<<<<

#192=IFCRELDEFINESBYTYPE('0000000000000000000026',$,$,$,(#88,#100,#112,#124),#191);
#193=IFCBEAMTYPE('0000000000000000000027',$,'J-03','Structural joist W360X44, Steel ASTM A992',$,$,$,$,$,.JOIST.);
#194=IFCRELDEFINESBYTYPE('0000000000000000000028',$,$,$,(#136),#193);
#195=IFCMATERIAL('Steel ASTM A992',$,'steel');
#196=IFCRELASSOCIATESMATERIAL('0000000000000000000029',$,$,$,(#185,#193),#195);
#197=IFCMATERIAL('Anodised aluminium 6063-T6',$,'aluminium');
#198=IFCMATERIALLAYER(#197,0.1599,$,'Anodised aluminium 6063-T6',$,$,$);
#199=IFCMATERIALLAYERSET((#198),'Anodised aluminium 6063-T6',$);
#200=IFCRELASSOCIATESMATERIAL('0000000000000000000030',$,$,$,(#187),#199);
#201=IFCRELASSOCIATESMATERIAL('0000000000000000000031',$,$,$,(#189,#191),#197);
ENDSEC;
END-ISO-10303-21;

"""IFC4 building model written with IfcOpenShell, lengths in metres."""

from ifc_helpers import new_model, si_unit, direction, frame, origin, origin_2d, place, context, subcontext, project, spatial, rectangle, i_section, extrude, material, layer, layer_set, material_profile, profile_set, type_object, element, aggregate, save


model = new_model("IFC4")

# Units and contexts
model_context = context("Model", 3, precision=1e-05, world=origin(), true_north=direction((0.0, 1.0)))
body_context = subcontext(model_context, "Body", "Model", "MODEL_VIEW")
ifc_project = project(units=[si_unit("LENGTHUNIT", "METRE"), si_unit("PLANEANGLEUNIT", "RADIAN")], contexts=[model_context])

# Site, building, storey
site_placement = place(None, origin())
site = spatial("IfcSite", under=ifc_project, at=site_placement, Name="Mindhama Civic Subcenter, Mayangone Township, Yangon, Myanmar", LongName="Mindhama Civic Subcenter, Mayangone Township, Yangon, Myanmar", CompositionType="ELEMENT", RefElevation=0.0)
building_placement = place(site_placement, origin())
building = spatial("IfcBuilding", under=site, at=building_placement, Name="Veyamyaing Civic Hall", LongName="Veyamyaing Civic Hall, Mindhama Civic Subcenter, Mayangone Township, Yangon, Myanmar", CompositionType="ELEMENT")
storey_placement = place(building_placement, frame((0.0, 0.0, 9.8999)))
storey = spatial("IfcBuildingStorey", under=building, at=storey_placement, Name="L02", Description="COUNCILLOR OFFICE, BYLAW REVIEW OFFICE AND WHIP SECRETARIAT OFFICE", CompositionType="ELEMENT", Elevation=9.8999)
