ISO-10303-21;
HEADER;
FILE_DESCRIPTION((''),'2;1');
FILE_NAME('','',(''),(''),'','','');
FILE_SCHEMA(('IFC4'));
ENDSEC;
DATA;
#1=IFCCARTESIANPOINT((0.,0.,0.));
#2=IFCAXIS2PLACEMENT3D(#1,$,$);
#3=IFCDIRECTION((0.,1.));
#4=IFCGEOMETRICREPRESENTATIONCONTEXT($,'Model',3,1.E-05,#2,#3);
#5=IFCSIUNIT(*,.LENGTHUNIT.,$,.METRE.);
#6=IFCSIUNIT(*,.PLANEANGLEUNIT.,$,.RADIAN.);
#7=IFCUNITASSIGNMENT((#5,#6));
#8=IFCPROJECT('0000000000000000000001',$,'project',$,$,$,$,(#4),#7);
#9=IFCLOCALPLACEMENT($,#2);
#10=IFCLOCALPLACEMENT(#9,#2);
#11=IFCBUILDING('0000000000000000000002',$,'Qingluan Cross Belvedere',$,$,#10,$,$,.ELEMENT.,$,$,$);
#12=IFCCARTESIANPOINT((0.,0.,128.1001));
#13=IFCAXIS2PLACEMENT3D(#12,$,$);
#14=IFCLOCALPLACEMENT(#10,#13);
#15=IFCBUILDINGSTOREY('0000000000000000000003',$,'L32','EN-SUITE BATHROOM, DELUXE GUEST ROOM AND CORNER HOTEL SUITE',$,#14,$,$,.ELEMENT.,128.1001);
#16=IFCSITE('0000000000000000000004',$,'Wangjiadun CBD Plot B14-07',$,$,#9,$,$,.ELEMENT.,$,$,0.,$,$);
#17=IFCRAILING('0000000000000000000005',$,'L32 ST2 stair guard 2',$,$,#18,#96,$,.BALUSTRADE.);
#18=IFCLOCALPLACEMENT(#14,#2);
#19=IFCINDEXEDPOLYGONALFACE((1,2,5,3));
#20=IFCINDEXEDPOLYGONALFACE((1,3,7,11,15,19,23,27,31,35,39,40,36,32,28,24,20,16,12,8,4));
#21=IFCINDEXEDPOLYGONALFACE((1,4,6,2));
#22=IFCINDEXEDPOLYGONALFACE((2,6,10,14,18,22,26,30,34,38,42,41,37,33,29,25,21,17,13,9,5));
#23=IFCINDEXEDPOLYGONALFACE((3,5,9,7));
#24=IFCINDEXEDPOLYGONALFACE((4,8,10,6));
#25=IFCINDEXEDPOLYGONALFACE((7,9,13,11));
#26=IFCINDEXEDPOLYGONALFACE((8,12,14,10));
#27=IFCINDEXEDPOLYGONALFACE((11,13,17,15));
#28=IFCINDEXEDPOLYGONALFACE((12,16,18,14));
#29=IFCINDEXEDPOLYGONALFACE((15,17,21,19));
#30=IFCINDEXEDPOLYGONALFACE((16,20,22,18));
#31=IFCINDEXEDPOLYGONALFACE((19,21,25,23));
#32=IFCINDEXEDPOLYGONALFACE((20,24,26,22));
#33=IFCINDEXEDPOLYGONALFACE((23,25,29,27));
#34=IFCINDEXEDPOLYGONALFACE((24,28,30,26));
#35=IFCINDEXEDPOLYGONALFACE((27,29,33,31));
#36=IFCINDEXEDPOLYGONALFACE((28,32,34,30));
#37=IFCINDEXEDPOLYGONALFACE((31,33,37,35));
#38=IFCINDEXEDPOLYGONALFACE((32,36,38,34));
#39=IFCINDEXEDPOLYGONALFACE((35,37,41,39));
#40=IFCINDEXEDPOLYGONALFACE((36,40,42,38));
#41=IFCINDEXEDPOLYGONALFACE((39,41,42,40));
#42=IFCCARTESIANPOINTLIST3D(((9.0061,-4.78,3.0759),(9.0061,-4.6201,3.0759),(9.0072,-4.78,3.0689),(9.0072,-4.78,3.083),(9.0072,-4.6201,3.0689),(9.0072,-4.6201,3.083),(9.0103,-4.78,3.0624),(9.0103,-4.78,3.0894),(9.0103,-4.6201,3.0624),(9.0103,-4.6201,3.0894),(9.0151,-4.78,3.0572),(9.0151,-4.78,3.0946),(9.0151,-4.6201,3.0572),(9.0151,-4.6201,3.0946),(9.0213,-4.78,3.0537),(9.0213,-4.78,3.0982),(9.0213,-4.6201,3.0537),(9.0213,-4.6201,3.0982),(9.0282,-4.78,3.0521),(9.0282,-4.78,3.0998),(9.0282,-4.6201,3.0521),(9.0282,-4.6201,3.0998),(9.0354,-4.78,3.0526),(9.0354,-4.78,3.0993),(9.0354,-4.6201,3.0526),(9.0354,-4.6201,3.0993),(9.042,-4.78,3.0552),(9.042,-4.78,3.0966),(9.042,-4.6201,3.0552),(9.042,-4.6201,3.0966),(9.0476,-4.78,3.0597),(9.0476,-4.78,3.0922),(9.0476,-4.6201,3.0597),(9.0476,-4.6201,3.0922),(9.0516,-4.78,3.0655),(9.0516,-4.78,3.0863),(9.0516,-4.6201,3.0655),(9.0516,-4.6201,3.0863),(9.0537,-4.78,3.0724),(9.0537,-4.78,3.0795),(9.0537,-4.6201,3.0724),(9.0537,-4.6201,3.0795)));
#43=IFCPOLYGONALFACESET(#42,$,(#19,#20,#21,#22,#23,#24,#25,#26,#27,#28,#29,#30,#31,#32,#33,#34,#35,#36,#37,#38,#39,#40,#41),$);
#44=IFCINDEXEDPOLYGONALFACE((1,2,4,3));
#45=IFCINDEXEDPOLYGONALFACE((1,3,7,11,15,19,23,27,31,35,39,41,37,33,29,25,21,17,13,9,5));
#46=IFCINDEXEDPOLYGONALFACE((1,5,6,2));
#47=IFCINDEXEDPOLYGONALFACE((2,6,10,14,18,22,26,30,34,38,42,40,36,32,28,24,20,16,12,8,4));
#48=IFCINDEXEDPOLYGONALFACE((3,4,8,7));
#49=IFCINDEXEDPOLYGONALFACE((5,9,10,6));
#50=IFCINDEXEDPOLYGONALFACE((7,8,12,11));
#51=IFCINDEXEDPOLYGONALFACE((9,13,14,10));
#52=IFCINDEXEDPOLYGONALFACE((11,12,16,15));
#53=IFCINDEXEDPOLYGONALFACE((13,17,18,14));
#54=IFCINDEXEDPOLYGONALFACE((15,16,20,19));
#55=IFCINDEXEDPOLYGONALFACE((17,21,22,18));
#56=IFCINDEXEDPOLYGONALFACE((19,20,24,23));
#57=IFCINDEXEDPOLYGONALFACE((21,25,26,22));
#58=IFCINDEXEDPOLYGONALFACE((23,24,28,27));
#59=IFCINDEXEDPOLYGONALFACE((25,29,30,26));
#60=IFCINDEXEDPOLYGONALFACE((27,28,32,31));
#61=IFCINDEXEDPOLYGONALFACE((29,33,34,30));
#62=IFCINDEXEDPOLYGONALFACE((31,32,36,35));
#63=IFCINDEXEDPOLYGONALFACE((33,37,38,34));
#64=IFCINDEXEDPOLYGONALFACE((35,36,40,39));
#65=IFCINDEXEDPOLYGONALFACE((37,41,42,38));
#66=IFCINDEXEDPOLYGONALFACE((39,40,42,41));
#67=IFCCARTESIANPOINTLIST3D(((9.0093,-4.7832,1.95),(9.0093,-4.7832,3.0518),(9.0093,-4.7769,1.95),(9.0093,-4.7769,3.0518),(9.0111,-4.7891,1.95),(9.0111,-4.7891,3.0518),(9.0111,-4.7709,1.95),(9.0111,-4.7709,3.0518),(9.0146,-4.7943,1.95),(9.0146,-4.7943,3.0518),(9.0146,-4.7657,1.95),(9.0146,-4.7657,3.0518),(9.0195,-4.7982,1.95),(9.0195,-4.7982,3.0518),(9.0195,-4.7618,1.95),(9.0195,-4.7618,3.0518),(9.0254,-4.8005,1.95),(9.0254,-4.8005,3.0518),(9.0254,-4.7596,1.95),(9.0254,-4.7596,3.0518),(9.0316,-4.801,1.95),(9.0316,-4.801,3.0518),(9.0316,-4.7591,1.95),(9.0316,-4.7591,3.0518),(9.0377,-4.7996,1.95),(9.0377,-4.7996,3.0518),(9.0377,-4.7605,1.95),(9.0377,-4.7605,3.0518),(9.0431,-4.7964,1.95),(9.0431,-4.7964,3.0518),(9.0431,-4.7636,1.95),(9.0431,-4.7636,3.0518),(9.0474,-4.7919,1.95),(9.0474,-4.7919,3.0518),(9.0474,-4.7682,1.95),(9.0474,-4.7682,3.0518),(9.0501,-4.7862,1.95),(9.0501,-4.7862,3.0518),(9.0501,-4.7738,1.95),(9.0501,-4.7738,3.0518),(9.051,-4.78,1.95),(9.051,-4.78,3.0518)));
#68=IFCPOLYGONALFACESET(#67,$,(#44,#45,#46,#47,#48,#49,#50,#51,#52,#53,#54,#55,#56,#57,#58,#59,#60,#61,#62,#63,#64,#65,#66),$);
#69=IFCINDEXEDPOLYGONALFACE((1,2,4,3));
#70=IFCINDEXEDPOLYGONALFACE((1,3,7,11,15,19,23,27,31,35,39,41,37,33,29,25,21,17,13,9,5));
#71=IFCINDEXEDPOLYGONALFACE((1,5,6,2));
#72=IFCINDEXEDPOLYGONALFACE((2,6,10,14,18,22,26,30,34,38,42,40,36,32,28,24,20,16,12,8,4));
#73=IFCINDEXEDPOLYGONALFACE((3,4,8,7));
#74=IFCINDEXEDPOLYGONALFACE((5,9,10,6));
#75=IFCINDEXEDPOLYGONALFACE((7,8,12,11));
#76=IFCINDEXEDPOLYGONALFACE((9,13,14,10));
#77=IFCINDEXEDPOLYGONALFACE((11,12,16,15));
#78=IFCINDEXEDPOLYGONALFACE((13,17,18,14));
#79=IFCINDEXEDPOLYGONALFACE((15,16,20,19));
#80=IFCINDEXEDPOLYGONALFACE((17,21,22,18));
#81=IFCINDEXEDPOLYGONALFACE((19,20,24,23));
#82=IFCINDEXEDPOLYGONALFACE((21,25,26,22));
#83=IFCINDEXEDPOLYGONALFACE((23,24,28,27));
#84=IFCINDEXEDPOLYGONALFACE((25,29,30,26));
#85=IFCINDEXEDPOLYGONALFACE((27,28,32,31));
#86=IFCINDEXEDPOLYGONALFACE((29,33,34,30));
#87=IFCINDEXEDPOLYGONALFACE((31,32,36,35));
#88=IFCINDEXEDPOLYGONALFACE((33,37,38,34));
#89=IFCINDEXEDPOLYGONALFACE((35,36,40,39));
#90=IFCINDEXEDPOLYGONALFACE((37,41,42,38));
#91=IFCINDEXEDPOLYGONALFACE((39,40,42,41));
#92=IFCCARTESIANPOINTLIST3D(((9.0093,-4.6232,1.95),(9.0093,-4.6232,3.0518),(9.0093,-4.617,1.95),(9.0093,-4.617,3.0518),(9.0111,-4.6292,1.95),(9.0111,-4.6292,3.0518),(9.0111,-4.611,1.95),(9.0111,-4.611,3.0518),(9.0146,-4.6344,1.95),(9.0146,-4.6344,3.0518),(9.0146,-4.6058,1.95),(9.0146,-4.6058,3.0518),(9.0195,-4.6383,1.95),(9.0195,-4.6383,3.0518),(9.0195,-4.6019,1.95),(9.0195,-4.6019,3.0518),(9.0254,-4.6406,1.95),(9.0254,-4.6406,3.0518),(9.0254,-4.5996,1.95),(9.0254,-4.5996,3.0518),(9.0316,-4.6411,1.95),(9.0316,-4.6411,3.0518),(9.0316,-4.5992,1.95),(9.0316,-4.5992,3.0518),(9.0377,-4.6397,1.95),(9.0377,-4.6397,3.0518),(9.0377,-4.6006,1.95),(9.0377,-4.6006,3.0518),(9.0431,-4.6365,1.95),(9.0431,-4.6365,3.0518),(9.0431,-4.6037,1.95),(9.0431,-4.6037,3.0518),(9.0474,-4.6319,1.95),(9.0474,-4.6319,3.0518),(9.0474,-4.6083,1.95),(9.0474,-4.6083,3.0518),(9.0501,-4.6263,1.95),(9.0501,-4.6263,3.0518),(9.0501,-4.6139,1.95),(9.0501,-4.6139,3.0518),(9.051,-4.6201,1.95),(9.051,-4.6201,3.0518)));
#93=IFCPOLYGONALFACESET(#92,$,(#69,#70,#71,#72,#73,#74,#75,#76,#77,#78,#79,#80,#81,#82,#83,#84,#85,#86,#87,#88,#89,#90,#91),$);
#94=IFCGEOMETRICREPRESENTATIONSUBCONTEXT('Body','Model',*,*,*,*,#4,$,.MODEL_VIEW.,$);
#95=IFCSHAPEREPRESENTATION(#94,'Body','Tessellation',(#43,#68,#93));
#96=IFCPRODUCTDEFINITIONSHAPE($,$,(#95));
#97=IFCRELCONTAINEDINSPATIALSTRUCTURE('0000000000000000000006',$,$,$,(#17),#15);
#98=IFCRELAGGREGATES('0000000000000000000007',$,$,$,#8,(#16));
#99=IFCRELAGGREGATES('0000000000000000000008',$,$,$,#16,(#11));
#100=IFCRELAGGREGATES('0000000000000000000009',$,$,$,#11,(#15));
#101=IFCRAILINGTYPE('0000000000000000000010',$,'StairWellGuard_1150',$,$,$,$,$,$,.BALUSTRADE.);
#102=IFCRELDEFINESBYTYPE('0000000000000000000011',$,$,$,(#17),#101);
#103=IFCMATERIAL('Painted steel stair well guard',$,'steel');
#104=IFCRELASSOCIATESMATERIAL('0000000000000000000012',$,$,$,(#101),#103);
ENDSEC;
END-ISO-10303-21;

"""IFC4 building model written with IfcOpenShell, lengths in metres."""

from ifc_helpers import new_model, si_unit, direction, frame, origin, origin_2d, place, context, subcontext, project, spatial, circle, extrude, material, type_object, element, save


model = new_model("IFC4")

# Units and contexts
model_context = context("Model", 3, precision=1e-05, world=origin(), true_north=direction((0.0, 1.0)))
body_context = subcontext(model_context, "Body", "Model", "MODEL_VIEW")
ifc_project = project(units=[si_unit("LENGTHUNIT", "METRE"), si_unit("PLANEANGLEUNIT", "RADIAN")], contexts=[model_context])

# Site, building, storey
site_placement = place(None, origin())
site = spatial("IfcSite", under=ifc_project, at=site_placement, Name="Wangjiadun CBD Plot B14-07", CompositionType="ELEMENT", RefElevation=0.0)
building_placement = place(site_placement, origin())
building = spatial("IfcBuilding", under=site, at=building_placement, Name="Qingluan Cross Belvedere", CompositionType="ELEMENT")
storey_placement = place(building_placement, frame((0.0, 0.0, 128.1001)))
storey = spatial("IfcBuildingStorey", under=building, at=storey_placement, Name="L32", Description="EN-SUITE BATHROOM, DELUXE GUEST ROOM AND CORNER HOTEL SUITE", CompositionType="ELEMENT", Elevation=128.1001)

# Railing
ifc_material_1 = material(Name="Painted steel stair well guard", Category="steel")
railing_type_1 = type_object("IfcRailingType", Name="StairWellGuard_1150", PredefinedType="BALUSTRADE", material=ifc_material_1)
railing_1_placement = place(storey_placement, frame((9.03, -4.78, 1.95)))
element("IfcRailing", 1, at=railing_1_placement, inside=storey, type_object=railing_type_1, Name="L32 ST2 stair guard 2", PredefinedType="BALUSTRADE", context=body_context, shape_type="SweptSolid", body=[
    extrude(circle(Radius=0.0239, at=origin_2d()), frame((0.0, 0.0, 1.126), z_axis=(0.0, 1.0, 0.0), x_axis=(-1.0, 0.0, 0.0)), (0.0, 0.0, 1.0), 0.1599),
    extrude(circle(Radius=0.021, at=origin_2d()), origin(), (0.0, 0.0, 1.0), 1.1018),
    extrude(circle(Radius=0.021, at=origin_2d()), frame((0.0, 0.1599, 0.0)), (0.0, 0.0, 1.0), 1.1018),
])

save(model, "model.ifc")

>>>>
<<<<

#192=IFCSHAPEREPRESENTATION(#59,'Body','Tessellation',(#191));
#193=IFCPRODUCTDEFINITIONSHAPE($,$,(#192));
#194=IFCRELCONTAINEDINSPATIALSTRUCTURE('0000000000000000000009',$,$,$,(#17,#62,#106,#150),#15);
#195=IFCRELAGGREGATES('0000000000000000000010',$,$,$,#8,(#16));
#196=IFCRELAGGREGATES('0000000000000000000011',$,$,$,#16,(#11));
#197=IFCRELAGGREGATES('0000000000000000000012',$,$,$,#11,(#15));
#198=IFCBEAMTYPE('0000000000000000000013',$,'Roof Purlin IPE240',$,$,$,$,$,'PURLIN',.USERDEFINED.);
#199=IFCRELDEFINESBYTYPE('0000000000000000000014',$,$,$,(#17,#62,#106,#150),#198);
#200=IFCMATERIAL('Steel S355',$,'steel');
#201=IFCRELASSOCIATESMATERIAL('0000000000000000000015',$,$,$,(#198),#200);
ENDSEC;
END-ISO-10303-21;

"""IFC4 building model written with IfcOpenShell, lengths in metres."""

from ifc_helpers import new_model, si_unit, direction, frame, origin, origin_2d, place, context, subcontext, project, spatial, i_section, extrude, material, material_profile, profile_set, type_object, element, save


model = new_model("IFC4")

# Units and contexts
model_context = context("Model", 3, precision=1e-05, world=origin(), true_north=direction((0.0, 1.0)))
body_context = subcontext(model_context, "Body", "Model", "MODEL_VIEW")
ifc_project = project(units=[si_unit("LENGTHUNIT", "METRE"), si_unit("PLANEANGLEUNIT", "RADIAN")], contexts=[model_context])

>>>>

## Problem statement
Your answer must be a single number: how many lines in this listing hold the string "IFCPRODUCTDEFINITIONSHAPE"? Please add nothing else.

## Worked solution
2